Exercise: Word for word, repeat all of the entries below.

[Collected data]
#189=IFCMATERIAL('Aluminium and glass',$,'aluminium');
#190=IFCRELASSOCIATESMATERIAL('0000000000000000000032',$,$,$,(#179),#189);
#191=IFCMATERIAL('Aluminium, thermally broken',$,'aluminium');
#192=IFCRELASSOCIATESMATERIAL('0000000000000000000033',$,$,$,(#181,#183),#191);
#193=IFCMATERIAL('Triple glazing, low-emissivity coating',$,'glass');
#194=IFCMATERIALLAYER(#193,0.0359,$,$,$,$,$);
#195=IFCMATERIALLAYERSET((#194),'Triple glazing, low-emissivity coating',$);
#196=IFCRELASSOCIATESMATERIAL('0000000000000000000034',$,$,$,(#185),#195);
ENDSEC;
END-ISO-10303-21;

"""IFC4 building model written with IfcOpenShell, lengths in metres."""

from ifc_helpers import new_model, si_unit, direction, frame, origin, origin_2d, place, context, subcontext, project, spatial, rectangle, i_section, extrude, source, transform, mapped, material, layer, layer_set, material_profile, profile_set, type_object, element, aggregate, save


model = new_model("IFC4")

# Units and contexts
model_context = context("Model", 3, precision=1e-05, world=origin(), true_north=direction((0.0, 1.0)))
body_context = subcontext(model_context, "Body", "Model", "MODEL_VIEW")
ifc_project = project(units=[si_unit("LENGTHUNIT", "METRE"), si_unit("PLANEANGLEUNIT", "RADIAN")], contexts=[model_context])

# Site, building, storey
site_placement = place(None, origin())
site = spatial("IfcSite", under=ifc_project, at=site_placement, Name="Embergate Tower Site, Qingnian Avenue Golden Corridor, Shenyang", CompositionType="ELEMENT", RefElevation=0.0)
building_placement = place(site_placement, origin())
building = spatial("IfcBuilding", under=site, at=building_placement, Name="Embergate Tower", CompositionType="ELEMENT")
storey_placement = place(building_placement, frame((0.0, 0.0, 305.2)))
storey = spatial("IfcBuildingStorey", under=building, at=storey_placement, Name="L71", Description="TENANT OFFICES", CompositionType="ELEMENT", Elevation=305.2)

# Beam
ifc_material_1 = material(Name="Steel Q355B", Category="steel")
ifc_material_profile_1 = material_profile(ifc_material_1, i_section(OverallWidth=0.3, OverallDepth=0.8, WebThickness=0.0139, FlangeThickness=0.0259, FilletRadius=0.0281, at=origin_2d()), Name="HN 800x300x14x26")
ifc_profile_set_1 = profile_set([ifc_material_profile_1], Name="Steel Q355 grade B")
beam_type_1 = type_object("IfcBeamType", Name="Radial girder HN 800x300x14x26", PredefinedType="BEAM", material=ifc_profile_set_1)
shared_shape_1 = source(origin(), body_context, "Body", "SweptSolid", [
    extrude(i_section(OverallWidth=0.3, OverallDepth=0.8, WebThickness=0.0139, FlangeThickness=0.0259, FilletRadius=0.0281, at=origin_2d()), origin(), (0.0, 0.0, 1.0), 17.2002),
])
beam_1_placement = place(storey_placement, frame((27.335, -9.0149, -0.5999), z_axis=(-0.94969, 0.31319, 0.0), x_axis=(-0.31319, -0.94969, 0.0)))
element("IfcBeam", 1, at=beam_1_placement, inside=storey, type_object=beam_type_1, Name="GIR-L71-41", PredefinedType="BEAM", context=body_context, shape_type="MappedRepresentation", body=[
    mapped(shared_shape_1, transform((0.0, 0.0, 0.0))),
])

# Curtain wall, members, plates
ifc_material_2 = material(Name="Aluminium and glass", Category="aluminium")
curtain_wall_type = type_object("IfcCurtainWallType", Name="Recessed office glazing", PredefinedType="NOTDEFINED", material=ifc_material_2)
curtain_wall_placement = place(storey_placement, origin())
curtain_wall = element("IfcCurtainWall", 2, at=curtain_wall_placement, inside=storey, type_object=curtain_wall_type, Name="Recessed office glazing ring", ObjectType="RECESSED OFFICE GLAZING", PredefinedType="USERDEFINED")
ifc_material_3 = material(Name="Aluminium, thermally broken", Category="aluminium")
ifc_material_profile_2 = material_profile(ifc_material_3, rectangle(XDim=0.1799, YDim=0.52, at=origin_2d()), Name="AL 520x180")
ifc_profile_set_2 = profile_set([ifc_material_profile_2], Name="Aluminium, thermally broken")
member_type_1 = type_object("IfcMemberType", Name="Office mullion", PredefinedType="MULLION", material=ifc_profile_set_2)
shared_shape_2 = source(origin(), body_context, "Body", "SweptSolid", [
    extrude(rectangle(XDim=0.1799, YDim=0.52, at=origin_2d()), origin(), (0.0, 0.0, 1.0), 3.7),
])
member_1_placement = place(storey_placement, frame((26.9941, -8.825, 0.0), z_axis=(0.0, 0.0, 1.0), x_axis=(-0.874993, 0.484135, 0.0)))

Exercise response:
#189=IFCMATERIAL('Aluminium and glass',$,'aluminium');
#190=IFCRELASSOCIATESMATERIAL('0000000000000000000032',$,$,$,(#179),#189);
#191=IFCMATERIAL('Aluminium, thermally broken',$,'aluminium');
#192=IFCRELASSOCIATESMATERIAL('0000000000000000000033',$,$,$,(#181,#183),#191);
#193=IFCMATERIAL('Triple glazing, low-emissivity coating',$,'glass');
#194=IFCMATERIALLAYER(#193,0.0359,$,$,$,$,$);
#195=IFCMATERIALLAYERSET((#194),'Triple glazing, low-emissivity coating',$);
#196=IFCRELASSOCIATESMATERIAL('0000000000000000000034',$,$,$,(#185),#195);
ENDSEC;
END-ISO-10303-21;

"""IFC4 building model written with IfcOpenShell, lengths in metres."""

from ifc_helpers import new_model, si_unit, direction, frame, origin, origin_2d, place, context, subcontext, project, spatial, rectangle, i_section, extrude, source, transform, mapped, material, layer, layer_set, material_profile, profile_set, type_object, element, aggregate, save


model = new_model("IFC4")

# Units and contexts
model_context = context("Model", 3, precision=1e-05, world=origin(), true_north=direction((0.0, 1.0)))
body_context = subcontext(model_context, "Body", "Model", "MODEL_VIEW")
ifc_project = project(units=[si_unit("LENGTHUNIT", "METRE"), si_unit("PLANEANGLEUNIT", "RADIAN")], contexts=[model_context])

# Site, building, storey
site_placement = place(None, origin())
site = spatial("IfcSite", under=ifc_project, at=site_placement, Name="Embergate Tower Site, Qingnian Avenue Golden Corridor, Shenyang", CompositionType="ELEMENT", RefElevation=0.0)
building_placement = place(site_placement, origin())
building = spatial("IfcBuilding", under=site, at=building_placement, Name="Embergate Tower", CompositionType="ELEMENT")
storey_placement = place(building_placement, frame((0.0, 0.0, 305.2)))
storey = spatial("IfcBuildingStorey", under=building, at=storey_placement, Name="L71", Description="TENANT OFFICES", CompositionType="ELEMENT", Elevation=305.2)

# Beam
ifc_material_1 = material(Name="Steel Q355B", Category="steel")
ifc_material_profile_1 = material_profile(ifc_material_1, i_section(OverallWidth=0.3, OverallDepth=0.8, WebThickness=0.0139, FlangeThickness=0.0259, FilletRadius=0.0281, at=origin_2d()), Name="HN 800x300x14x26")
ifc_profile_set_1 = profile_set([ifc_material_profile_1], Name="Steel Q355 grade B")
beam_type_1 = type_object("IfcBeamType", Name="Radial girder HN 800x300x14x26", PredefinedType="BEAM", material=ifc_profile_set_1)
shared_shape_1 = source(origin(), body_context, "Body", "SweptSolid", [
    extrude(i_section(OverallWidth=0.3, OverallDepth=0.8, WebThickness=0.0139, FlangeThickness=0.0259, FilletRadius=0.0281, at=origin_2d()), origin(), (0.0, 0.0, 1.0), 17.2002),
])
beam_1_placement = place(storey_placement, frame((27.335, -9.0149, -0.5999), z_axis=(-0.94969, 0.31319, 0.0), x_axis=(-0.31319, -0.94969, 0.0)))
element("IfcBeam", 1, at=beam_1_placement, inside=storey, type_object=beam_type_1, Name="GIR-L71-41", PredefinedType="BEAM", context=body_context, shape_type="MappedRepresentation", body=[
    mapped(shared_shape_1, transform((0.0, 0.0, 0.0))),
])

# Curtain wall, members, plates
ifc_material_2 = material(Name="Aluminium and glass", Category="aluminium")
curtain_wall_type = type_object("IfcCurtainWallType", Name="Recessed office glazing", PredefinedType="NOTDEFINED", material=ifc_material_2)
curtain_wall_placement = place(storey_placement, origin())
curtain_wall = element("IfcCurtainWall", 2, at=curtain_wall_placement, inside=storey, type_object=curtain_wall_type, Name="Recessed office glazing ring", ObjectType="RECESSED OFFICE GLAZING", PredefinedType="USERDEFINED")
ifc_material_3 = material(Name="Aluminium, thermally broken", Category="aluminium")
ifc_material_profile_2 = material_profile(ifc_material_3, rectangle(XDim=0.1799, YDim=0.52, at=origin_2d()), Name="AL 520x180")
ifc_profile_set_2 = profile_set([ifc_material_profile_2], Name="Aluminium, thermally broken")
member_type_1 = type_object("IfcMemberType", Name="Office mullion", PredefinedType="MULLION", material=ifc_profile_set_2)
shared_shape_2 = source(origin(), body_context, "Body", "SweptSolid", [
    extrude(rectangle(XDim=0.1799, YDim=0.52, at=origin_2d()), origin(), (0.0, 0.0, 1.0), 3.7),
])
member_1_placement = place(storey_placement, frame((26.9941, -8.825, 0.0), z_axis=(0.0, 0.0, 1.0), x_axis=(-0.874993, 0.484135, 0.0)))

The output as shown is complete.